What you are asked to do |
The entries that follow include a run beginning at the line with "#48=IFCINDEXEDPOLYGONALFACE((5,7,8,6));" and ending at the line with "#56=IFCINDEXEDPOLYGONALFACE((5,7,8,6));"; restate that run word for word and leave the rest out.
****************
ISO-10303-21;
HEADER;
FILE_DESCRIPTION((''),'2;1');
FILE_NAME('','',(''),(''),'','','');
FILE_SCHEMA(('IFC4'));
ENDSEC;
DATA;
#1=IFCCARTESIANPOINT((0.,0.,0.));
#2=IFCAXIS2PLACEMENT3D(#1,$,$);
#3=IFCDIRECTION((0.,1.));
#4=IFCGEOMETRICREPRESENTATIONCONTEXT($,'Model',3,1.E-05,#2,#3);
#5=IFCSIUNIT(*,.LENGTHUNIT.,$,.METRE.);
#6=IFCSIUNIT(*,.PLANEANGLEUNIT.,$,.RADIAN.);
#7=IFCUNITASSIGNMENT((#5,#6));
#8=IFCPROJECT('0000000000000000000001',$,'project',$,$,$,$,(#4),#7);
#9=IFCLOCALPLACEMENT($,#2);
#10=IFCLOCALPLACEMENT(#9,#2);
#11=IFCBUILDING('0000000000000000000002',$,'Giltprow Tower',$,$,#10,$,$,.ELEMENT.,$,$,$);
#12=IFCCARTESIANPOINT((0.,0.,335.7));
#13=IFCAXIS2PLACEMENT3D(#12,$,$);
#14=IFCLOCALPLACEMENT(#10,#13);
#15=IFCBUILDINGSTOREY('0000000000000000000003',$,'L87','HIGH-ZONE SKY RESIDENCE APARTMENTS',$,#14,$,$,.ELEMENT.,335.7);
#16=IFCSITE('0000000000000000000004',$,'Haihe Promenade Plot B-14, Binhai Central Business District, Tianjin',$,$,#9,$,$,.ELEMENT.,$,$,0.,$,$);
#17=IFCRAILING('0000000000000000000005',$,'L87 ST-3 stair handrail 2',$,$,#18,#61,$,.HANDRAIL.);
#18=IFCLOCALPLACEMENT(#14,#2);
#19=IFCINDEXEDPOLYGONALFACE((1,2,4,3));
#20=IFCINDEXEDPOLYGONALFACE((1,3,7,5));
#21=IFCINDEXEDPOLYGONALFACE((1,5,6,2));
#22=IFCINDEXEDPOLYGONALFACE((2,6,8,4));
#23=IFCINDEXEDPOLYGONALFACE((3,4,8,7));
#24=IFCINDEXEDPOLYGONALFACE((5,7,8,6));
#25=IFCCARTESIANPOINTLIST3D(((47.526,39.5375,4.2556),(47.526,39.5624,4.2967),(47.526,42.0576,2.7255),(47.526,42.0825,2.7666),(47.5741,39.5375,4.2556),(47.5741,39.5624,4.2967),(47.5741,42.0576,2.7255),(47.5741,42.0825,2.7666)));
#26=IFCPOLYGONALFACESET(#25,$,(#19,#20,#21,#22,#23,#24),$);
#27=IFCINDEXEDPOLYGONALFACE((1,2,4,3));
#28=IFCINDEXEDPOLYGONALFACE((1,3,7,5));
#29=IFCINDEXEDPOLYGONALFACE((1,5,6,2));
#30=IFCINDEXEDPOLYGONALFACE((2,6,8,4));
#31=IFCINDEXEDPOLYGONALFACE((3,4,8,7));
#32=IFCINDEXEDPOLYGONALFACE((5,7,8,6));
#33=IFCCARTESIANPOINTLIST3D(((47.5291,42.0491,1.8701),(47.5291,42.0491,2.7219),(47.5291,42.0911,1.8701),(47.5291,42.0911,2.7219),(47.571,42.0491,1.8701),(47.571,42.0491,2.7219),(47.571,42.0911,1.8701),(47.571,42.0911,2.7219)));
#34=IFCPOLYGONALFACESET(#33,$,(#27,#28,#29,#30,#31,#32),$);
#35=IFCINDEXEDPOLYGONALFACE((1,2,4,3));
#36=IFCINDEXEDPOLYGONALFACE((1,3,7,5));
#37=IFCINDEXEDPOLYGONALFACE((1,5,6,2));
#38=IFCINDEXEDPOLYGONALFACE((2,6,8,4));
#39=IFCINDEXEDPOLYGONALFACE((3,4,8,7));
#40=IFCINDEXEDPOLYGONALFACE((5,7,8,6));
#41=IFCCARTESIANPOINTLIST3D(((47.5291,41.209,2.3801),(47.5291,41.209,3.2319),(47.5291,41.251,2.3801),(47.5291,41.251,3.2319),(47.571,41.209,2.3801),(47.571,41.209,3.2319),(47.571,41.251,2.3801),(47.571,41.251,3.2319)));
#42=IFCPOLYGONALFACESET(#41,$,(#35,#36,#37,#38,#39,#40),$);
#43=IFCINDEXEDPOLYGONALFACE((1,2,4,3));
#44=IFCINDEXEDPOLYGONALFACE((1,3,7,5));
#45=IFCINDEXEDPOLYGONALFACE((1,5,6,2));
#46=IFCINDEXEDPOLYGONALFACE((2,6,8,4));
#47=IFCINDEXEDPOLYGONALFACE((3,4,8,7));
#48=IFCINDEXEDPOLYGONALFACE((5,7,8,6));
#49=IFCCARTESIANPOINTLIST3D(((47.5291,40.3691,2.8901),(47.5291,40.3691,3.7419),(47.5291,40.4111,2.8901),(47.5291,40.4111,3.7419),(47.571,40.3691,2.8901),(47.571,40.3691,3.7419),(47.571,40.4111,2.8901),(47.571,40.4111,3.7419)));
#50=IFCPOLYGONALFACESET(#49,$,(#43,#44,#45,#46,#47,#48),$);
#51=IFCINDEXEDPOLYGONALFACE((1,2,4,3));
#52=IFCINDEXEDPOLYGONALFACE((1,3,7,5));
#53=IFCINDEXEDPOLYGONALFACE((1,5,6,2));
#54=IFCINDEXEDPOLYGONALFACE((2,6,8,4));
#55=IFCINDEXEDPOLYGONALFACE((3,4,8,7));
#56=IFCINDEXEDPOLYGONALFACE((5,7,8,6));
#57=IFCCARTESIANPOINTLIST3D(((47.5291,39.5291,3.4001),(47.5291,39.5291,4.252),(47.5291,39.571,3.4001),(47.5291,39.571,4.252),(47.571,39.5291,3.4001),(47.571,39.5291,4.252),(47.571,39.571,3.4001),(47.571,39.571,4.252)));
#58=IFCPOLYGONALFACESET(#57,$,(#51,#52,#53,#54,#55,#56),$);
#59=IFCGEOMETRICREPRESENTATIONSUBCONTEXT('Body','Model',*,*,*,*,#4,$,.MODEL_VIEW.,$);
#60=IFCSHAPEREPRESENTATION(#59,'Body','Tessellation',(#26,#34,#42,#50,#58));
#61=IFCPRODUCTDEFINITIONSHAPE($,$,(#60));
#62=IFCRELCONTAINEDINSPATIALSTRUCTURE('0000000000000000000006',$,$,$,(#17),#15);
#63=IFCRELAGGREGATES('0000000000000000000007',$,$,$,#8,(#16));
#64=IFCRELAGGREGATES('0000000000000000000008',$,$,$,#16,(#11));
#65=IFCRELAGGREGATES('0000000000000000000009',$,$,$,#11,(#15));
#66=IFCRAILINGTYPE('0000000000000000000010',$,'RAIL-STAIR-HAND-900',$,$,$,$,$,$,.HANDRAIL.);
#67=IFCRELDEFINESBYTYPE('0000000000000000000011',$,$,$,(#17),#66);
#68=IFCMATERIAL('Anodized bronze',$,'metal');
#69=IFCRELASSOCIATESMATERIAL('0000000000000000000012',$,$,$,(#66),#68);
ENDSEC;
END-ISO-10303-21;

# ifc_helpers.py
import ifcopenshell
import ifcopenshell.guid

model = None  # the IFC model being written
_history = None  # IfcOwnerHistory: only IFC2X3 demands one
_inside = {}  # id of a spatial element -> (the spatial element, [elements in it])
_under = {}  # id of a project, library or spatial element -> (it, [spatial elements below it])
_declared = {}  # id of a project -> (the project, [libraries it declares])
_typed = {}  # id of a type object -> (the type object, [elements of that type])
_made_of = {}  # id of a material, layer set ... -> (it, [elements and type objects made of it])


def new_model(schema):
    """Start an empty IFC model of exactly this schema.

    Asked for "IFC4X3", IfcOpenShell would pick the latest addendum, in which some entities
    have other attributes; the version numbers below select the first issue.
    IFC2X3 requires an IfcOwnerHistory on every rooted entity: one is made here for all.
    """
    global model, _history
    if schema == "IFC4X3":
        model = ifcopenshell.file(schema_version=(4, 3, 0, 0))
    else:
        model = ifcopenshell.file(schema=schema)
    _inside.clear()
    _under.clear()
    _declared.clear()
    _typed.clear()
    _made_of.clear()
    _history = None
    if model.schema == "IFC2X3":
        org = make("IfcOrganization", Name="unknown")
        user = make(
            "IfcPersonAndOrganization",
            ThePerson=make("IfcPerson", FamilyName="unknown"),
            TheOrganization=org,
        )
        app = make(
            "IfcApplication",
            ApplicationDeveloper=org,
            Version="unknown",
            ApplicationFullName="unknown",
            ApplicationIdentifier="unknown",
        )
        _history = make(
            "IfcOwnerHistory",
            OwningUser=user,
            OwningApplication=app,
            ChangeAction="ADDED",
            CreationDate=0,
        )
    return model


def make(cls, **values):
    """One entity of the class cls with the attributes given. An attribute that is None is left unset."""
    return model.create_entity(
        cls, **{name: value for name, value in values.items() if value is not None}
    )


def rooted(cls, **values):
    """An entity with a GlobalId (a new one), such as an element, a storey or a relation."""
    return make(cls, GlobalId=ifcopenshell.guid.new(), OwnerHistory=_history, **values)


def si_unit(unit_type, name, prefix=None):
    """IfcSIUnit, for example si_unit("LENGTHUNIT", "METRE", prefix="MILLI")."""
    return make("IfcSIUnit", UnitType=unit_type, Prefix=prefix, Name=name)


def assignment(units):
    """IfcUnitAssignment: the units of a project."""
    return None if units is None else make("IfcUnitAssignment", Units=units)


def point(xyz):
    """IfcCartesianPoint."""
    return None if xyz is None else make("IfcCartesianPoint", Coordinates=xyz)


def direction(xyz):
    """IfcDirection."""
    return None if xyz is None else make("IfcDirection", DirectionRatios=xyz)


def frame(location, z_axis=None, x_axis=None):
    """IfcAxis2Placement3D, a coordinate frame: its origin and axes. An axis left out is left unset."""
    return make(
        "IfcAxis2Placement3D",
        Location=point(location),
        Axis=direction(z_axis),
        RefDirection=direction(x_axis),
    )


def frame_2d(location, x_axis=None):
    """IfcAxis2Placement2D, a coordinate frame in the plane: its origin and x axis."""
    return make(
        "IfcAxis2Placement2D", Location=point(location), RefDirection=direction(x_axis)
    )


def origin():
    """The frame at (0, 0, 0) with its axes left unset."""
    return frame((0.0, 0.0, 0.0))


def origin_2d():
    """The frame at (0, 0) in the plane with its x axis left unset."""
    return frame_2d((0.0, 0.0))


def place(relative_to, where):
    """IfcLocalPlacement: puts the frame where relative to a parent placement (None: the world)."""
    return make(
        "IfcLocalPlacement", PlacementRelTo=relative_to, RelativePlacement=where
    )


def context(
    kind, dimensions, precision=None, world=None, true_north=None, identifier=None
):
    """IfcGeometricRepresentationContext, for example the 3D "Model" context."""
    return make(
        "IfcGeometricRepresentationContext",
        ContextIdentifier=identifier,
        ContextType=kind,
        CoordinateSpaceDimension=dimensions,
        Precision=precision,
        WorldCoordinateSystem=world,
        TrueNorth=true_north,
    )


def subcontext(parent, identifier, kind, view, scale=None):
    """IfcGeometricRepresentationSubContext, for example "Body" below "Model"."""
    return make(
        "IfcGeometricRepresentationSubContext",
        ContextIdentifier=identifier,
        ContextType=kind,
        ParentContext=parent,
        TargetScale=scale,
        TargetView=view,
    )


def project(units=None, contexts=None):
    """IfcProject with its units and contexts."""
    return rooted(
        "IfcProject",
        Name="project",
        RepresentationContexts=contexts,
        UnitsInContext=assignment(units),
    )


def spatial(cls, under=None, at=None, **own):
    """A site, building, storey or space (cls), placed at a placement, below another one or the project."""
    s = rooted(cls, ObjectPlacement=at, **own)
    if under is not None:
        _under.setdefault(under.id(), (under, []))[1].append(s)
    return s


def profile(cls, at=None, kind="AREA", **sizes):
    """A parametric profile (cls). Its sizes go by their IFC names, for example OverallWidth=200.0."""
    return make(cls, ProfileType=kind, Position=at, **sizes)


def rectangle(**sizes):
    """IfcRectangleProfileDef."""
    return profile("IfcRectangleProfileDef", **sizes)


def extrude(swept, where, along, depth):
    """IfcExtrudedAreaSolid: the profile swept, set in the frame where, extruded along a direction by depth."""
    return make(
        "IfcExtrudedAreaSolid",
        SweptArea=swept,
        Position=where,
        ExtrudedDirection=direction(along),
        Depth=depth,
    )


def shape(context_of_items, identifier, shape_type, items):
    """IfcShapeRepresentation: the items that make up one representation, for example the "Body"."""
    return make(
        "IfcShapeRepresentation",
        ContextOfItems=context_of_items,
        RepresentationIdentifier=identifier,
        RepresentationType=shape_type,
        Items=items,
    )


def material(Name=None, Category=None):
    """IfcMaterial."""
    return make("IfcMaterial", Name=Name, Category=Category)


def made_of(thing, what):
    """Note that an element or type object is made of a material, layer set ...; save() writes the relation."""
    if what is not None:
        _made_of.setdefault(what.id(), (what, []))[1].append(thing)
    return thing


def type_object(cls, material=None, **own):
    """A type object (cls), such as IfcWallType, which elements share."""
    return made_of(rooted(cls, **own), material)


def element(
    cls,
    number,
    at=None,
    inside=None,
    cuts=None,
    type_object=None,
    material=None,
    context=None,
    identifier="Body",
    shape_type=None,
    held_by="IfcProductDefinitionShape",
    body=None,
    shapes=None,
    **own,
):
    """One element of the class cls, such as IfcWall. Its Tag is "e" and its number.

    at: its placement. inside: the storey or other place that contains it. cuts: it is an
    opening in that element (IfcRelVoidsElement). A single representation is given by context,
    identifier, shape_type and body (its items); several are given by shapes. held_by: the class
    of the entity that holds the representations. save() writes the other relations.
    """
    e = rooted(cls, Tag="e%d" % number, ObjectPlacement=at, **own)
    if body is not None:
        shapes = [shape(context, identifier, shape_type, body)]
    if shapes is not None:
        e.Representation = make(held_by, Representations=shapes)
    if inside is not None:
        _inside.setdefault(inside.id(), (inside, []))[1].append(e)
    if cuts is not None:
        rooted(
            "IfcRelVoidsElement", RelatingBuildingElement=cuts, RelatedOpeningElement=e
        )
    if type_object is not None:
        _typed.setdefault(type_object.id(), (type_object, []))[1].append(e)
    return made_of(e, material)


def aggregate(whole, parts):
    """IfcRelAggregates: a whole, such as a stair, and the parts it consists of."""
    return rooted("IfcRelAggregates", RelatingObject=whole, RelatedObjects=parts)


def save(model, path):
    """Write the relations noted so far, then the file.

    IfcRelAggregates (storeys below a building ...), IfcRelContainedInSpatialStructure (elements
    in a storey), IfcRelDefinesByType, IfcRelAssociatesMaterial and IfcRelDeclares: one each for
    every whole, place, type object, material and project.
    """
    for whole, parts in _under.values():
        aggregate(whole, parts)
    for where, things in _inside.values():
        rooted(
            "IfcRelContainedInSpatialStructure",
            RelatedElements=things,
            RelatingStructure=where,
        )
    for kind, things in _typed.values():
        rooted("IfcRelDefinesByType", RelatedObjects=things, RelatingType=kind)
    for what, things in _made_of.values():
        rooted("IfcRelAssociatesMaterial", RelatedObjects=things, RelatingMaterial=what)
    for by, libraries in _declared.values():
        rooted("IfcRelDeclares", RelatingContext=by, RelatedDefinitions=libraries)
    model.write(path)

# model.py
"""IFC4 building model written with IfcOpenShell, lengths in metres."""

from ifc_helpers import new_model, si_unit, direction, frame, origin, origin_2d, place, context, subcontext, project, spatial, rectangle, extrude, material, type_object, element, save


model = new_model("IFC4")

# Units and contexts
model_context = context("Model", 3, precision=1e-05, world=origin(), true_north=direction((0.0, 1.0)))
body_context = subcontext(model_context, "Body", "Model", "MODEL_VIEW")
ifc_project = project(units=[si_unit("LENGTHUNIT", "METRE"), si_unit("PLANEANGLEUNIT", "RADIAN")], contexts=[model_context])

# Site, building, storey
site_placement = place(None, origin())
site = spatial("IfcSite", under=ifc_project, at=site_placement, Name="Haihe Promenade Plot B-14, Binhai Central Business District, Tianjin", CompositionType="ELEMENT", RefElevation=0.0)
building_placement = place(site_placement, origin())
building = spatial("IfcBuilding", under=site, at=building_placement, Name="Giltprow Tower", CompositionType="ELEMENT")
storey_placement = place(building_placement, frame((0.0, 0.0, 335.7)))
storey = spatial("IfcBuildingStorey", under=building, at=storey_placement, Name="L87", Description="HIGH-ZONE SKY RESIDENCE APARTMENTS", CompositionType="ELEMENT", Elevation=335.7)

# Railing
ifc_material_1 = material(Name="Anodized bronze", Category="metal")
railing_type_1 = type_object("IfcRailingType", Name="RAIL-STAIR-HAND-900", PredefinedType="HANDRAIL", material=ifc_material_1)
railing_1_placement = place(storey_placement, frame((47.55, 42.0701, 1.8701)))
element("IfcRailing", 1, at=railing_1_placement, inside=storey, type_object=railing_type_1, Name="L87 ST-3 stair handrail 2", PredefinedType="HANDRAIL", context=body_context, shape_type="SweptSolid", body=[
    extrude(rectangle(XDim=0.0481, YDim=0.0481, at=origin_2d()), frame((0.0, 0.0, 0.876), z_axis=(0.0, -0.854785, 0.518982), x_axis=(1.0, 0.0, 0.0)), (0.0, 0.0, 1.0), 2.9482),
    extrude(rectangle(XDim=0.042, YDim=0.042, at=origin_2d()), origin(), (0.0, 0.0, 1.0), 0.8518),
    extrude(rectangle(XDim=0.042, YDim=0.042, at=origin_2d()), frame((0.0, -0.8401, 0.51)), (0.0, 0.0, 1.0), 0.8518),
****************
Output of the exercise |
#48=IFCINDEXEDPOLYGONALFACE((5,7,8,6));
#49=IFCCARTESIANPOINTLIST3D(((47.5291,40.3691,2.8901),(47.5291,40.3691,3.7419),(47.5291,40.4111,2.8901),(47.5291,40.4111,3.7419),(47.571,40.3691,2.8901),(47.571,40.3691,3.7419),(47.571,40.4111,2.8901),(47.571,40.4111,3.7419)));
#50=IFCPOLYGONALFACESET(#49,$,(#43,#44,#45,#46,#47,#48),$);
#51=IFCINDEXEDPOLYGONALFACE((1,2,4,3));
#52=IFCINDEXEDPOLYGONALFACE((1,3,7,5));
#53=IFCINDEXEDPOLYGONALFACE((1,5,6,2));
#54=IFCINDEXEDPOLYGONALFACE((2,6,8,4));
#55=IFCINDEXEDPOLYGONALFACE((3,4,8,7));
#56=IFCINDEXEDPOLYGONALFACE((5,7,8,6));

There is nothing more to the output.